__Collected data__
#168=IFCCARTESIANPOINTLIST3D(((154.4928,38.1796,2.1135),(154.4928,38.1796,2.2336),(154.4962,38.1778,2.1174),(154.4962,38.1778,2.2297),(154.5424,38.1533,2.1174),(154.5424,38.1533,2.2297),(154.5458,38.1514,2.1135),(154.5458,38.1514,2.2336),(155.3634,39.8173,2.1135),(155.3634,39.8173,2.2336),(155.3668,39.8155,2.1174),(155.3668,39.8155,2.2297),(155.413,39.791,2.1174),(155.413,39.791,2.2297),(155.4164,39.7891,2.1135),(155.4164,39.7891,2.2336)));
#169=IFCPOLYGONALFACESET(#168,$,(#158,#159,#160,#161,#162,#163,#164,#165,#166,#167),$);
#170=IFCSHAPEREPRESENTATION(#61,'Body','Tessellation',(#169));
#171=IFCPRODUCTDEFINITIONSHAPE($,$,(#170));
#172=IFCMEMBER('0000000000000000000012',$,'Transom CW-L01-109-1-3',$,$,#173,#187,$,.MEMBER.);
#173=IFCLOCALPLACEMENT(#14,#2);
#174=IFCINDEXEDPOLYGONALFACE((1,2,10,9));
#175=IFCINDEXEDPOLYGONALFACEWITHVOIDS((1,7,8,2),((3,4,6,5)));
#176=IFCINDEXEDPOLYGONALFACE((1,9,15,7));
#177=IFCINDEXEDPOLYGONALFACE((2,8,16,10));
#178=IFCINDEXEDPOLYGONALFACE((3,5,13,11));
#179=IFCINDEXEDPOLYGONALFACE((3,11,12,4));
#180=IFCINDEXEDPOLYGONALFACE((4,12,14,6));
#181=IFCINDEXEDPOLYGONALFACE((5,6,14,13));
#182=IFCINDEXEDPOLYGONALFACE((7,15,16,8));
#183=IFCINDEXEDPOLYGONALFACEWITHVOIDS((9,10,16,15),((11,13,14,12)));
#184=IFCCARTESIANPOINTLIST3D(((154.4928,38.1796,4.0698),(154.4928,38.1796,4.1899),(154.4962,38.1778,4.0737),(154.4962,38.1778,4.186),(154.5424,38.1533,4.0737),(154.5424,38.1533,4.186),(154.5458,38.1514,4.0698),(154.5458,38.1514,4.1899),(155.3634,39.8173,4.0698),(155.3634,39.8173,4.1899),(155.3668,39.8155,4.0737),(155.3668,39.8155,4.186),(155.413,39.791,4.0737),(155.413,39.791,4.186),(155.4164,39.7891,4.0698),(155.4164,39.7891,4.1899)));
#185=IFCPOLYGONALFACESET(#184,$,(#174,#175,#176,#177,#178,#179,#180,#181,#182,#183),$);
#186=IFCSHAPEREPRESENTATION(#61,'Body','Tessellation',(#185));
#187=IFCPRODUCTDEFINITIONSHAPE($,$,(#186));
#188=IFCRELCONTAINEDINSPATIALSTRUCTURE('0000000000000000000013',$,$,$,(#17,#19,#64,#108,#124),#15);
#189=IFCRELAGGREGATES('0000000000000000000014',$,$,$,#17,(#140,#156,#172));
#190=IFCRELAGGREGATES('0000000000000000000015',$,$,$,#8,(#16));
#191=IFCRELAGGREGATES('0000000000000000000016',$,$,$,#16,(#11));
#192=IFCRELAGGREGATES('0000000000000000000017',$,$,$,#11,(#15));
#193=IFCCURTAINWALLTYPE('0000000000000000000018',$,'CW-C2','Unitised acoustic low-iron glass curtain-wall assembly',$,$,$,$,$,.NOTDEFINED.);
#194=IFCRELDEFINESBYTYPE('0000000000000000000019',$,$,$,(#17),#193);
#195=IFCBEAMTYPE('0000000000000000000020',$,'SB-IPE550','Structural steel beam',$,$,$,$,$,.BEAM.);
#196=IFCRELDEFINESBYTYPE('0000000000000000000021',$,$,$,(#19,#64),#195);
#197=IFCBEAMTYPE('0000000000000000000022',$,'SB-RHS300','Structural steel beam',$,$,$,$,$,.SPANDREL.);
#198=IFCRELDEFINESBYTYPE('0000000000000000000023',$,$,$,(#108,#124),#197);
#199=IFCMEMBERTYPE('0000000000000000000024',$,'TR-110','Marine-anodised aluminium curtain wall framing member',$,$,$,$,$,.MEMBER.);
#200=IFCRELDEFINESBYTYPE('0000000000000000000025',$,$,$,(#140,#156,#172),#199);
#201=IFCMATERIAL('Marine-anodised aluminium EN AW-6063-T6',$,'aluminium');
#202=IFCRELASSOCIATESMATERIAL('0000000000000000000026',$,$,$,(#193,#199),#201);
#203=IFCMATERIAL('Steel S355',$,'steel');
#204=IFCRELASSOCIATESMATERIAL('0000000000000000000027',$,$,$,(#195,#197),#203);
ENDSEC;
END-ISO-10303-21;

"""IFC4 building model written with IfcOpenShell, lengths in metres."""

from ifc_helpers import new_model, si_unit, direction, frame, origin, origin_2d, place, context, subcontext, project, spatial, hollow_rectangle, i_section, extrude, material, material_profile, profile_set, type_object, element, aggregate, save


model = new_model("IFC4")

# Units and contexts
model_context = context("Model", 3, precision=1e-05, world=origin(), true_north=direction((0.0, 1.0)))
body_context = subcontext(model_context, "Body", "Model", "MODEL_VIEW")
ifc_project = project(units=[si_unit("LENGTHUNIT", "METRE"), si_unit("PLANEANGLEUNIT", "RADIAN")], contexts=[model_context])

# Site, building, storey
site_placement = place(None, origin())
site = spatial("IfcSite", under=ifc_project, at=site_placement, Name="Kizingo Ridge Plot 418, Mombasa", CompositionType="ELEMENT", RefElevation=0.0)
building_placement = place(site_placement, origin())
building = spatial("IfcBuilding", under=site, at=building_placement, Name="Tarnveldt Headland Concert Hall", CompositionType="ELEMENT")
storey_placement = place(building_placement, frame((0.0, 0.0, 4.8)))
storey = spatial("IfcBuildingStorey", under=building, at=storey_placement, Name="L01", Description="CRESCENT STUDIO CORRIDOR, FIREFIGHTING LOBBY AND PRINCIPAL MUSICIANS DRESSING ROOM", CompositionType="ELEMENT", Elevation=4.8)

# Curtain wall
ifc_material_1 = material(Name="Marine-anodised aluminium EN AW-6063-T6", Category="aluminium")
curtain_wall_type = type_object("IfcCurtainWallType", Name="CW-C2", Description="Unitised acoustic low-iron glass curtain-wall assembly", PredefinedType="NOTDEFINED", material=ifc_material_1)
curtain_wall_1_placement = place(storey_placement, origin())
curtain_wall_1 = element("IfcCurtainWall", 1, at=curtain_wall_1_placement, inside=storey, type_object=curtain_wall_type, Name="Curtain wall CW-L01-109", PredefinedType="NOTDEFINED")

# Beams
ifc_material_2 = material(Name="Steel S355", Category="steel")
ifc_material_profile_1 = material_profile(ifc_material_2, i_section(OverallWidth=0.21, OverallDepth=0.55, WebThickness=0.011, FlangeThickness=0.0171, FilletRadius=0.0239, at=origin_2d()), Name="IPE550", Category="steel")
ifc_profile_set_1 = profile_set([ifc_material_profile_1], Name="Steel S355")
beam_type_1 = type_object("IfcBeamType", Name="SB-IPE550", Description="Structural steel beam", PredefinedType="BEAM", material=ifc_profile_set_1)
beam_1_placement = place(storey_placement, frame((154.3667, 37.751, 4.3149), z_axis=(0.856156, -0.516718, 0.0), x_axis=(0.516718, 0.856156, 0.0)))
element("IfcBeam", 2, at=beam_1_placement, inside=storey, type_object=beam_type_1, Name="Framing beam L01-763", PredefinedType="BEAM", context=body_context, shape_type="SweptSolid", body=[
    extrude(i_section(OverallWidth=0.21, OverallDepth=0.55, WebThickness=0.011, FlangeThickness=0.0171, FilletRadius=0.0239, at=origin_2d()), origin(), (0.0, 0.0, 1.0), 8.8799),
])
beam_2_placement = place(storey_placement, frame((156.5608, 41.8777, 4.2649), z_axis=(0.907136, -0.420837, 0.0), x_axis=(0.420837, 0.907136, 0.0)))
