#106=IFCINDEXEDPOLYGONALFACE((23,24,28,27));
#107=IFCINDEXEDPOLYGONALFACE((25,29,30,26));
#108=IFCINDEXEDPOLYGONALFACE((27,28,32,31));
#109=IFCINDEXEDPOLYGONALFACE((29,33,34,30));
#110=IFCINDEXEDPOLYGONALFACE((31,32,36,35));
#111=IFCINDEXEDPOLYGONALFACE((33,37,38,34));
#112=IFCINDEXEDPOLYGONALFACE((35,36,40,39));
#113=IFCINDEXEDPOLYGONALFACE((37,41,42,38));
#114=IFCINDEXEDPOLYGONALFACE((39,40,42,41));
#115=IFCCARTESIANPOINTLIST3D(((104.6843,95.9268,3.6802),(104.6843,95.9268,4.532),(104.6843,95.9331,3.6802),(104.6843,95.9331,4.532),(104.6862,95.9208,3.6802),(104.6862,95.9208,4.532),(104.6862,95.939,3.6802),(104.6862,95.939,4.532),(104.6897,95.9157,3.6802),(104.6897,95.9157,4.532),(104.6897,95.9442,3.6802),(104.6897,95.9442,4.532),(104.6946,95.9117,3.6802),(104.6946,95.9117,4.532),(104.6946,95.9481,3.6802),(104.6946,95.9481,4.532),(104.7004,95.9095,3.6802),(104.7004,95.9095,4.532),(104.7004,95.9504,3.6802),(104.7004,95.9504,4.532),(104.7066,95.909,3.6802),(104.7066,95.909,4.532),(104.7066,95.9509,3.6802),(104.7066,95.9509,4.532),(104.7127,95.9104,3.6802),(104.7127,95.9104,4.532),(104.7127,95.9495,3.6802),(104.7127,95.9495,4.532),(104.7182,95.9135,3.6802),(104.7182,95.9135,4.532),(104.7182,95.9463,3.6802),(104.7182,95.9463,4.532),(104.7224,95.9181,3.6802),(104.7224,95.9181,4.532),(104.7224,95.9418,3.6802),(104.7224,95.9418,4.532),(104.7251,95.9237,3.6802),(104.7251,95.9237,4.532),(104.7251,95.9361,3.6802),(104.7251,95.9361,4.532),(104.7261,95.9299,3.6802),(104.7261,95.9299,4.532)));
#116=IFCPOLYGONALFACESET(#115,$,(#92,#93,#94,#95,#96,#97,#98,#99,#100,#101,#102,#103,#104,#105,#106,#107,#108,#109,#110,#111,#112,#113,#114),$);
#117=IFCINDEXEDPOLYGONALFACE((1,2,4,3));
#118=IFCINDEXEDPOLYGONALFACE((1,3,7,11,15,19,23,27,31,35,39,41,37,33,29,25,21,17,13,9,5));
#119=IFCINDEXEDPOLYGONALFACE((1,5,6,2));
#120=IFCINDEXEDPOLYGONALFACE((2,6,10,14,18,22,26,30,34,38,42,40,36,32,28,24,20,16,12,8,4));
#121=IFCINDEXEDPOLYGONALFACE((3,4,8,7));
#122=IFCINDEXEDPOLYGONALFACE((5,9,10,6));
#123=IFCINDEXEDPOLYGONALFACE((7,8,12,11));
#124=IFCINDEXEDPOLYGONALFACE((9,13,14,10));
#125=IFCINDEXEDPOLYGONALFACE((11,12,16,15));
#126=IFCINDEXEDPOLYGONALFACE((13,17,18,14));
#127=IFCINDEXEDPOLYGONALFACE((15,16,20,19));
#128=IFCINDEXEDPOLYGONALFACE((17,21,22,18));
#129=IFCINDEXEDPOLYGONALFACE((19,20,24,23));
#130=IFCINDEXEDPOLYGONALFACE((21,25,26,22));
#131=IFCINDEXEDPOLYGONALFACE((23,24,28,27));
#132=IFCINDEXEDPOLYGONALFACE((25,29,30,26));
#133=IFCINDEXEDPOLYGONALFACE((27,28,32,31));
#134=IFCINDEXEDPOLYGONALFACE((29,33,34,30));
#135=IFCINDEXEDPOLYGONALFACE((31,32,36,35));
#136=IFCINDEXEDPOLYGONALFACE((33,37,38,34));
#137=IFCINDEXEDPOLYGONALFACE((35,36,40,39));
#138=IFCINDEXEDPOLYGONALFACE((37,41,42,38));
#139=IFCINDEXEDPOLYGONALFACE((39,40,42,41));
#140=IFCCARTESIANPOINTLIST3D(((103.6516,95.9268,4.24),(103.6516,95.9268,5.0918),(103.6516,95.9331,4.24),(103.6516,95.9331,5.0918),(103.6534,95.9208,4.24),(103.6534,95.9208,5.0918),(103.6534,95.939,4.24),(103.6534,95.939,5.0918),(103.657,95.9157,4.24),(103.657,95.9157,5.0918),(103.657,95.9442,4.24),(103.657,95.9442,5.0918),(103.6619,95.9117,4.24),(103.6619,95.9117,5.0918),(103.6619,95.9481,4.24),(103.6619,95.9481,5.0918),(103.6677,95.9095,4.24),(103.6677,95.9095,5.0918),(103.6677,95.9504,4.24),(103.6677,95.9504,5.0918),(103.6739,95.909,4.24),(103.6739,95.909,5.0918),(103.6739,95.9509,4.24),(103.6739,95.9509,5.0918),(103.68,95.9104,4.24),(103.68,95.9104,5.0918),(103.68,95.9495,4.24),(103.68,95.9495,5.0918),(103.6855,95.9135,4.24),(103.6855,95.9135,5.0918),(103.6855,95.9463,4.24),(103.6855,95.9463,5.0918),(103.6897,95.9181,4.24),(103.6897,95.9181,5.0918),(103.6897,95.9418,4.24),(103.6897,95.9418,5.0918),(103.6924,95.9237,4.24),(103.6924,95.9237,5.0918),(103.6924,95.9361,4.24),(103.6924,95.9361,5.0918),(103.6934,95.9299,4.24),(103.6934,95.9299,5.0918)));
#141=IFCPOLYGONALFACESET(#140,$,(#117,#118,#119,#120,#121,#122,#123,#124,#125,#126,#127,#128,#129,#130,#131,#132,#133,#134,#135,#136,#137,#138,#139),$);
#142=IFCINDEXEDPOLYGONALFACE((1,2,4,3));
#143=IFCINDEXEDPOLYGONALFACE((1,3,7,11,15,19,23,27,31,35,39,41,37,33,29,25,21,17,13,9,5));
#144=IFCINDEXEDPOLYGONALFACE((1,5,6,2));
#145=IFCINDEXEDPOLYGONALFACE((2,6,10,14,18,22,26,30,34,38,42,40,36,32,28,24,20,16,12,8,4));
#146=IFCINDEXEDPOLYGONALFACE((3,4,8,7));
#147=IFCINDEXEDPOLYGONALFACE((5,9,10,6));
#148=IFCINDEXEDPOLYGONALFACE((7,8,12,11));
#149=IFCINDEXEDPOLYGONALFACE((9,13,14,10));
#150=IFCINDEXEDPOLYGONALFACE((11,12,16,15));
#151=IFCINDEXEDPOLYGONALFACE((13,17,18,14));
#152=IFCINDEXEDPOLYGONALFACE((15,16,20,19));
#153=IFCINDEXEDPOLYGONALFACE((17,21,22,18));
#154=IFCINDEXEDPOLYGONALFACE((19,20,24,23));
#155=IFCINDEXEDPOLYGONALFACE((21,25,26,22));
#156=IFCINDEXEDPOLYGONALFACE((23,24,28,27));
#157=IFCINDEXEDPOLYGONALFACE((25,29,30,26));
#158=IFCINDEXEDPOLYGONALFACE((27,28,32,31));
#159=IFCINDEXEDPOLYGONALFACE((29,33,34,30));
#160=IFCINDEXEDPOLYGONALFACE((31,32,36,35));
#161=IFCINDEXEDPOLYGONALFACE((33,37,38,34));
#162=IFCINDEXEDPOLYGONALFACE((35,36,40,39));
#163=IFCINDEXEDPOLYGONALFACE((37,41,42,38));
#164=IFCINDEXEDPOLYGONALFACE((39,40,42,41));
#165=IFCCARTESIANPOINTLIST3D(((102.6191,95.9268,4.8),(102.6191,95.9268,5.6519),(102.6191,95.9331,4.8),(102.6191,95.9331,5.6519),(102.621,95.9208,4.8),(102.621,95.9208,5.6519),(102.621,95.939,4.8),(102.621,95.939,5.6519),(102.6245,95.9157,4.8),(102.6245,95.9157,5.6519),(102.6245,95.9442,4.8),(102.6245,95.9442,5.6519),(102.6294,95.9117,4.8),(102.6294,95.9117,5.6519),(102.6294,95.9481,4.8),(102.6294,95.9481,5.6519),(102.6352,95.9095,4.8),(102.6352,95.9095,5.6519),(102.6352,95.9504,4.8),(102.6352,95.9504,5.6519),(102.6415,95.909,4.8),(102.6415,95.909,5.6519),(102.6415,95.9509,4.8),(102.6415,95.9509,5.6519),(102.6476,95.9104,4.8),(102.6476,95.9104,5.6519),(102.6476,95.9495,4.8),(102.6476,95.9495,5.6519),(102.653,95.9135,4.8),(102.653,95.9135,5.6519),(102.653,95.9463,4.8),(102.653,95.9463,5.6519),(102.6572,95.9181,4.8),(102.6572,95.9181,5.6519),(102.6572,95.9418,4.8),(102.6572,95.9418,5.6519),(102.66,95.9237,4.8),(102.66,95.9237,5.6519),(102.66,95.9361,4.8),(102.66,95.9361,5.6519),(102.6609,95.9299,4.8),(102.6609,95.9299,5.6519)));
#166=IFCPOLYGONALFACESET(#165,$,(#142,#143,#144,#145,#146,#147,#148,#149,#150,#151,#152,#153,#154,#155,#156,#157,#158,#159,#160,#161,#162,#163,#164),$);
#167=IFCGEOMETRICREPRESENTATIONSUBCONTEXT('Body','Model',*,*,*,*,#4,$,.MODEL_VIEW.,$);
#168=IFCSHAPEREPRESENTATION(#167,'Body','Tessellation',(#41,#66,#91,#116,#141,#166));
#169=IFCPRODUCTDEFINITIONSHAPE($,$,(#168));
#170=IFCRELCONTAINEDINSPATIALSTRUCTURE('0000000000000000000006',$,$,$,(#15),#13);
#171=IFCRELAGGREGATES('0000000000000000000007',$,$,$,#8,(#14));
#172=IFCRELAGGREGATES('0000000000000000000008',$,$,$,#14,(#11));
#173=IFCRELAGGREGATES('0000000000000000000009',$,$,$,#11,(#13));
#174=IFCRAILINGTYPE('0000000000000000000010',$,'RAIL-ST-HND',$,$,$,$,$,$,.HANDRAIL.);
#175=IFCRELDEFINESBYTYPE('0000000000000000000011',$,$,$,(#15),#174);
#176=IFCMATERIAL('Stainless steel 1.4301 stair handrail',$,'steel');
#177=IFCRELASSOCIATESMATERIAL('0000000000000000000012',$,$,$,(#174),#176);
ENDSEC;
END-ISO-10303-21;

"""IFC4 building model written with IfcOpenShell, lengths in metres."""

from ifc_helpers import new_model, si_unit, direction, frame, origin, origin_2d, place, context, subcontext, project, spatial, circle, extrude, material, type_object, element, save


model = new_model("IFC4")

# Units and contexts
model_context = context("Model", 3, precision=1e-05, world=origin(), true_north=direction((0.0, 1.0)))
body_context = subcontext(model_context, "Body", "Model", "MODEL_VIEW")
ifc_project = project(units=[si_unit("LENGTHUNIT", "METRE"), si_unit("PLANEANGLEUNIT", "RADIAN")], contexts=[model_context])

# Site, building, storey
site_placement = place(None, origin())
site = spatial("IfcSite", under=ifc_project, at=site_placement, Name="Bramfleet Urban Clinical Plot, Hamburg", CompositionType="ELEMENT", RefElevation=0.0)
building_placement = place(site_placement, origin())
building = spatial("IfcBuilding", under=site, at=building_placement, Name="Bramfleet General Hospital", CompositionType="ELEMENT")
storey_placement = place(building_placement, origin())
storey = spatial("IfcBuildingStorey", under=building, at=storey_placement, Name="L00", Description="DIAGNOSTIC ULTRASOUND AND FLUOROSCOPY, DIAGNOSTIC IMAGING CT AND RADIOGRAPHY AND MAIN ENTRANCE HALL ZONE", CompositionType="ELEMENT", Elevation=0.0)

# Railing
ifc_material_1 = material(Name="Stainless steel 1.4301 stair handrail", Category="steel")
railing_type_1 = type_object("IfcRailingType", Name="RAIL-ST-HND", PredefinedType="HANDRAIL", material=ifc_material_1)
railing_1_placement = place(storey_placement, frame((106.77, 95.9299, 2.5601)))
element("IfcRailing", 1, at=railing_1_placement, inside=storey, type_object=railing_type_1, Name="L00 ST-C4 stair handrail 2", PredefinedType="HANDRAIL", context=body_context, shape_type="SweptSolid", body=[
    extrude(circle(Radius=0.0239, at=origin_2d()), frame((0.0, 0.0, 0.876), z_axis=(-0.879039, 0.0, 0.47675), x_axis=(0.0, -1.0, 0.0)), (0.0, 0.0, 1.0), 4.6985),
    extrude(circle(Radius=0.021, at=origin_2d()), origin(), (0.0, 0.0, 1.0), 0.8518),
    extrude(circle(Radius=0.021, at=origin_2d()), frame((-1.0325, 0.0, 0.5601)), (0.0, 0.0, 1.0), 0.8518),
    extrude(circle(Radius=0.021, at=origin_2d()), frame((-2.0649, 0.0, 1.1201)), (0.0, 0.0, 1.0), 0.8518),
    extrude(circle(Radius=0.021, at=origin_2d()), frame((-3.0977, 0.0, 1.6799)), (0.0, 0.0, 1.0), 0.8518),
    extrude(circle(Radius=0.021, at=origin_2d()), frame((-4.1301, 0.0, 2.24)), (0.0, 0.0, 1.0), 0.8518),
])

__Problem to work on__
When the records above are checked line by line, how many lines contain the word "Plot"? Please give only that number.

__Completed exercise__
2